**Supplied material:**
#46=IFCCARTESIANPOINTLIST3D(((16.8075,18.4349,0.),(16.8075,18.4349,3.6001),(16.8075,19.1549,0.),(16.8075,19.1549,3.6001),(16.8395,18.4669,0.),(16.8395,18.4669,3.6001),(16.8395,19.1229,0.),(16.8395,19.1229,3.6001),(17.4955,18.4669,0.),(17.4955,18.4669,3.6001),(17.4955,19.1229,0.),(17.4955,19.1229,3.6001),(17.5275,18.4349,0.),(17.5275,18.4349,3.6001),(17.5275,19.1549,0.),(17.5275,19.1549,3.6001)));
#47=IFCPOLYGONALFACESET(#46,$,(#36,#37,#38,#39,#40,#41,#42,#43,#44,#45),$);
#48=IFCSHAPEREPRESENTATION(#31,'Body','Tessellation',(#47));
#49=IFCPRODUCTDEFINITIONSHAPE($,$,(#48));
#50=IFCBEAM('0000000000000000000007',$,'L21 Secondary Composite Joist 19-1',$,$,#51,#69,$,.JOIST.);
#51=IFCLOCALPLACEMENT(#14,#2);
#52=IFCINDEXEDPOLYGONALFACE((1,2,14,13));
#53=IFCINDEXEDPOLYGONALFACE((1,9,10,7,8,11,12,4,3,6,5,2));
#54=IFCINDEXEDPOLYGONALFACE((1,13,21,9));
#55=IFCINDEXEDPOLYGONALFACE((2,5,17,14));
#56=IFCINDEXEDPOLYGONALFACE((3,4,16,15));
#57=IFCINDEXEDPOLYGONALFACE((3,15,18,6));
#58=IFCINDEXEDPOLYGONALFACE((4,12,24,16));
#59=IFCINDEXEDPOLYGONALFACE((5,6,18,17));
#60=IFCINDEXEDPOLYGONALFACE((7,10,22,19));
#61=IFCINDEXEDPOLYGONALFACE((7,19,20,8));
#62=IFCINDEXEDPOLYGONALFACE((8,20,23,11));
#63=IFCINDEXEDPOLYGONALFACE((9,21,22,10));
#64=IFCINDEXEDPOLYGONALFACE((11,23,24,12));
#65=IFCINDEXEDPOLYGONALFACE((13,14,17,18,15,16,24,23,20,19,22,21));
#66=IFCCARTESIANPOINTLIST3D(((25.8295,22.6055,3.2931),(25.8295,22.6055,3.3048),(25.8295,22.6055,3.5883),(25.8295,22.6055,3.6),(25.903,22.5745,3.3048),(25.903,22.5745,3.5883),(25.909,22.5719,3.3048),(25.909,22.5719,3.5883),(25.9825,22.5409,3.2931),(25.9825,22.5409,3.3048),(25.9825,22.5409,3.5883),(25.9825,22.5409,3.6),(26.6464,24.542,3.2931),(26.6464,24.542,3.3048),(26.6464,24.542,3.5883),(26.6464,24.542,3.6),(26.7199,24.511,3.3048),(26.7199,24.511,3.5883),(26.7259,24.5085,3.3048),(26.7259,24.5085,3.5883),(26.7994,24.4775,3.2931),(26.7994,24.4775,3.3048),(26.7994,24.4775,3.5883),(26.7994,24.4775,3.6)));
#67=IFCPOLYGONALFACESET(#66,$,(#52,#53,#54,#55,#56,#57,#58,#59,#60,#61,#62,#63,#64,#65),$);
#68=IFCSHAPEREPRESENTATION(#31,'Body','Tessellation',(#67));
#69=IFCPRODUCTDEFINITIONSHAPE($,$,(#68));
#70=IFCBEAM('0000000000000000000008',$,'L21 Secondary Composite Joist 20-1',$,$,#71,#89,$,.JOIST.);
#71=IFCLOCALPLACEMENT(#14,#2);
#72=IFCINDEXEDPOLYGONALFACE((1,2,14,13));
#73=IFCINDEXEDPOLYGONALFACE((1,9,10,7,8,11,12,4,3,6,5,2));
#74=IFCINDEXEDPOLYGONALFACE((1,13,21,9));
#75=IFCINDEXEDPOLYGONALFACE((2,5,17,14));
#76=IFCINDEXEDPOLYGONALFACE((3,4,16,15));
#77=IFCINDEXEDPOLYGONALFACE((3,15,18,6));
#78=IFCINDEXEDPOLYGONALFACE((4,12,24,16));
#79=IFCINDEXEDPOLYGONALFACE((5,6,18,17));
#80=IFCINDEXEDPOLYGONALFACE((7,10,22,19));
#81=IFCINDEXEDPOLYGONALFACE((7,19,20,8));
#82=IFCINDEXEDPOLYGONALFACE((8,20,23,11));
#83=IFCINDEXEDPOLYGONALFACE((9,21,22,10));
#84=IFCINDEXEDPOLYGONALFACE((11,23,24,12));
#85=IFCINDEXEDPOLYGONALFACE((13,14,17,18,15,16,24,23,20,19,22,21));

**Work task:** In the listing above, transcribe exactly everything from the line containing "#57=IFCINDEXEDPOLYGONALFACE((3,15,18,6));" down to the line containing "#62=IFCINDEXEDPOLYGONALFACE((8,20,23,11));", including both and nothing more.

**Answer area:**
#57=IFCINDEXEDPOLYGONALFACE((3,15,18,6));
#58=IFCINDEXEDPOLYGONALFACE((4,12,24,16));
#59=IFCINDEXEDPOLYGONALFACE((5,6,18,17));
#60=IFCINDEXEDPOLYGONALFACE((7,10,22,19));
#61=IFCINDEXEDPOLYGONALFACE((7,19,20,8));
#62=IFCINDEXEDPOLYGONALFACE((8,20,23,11));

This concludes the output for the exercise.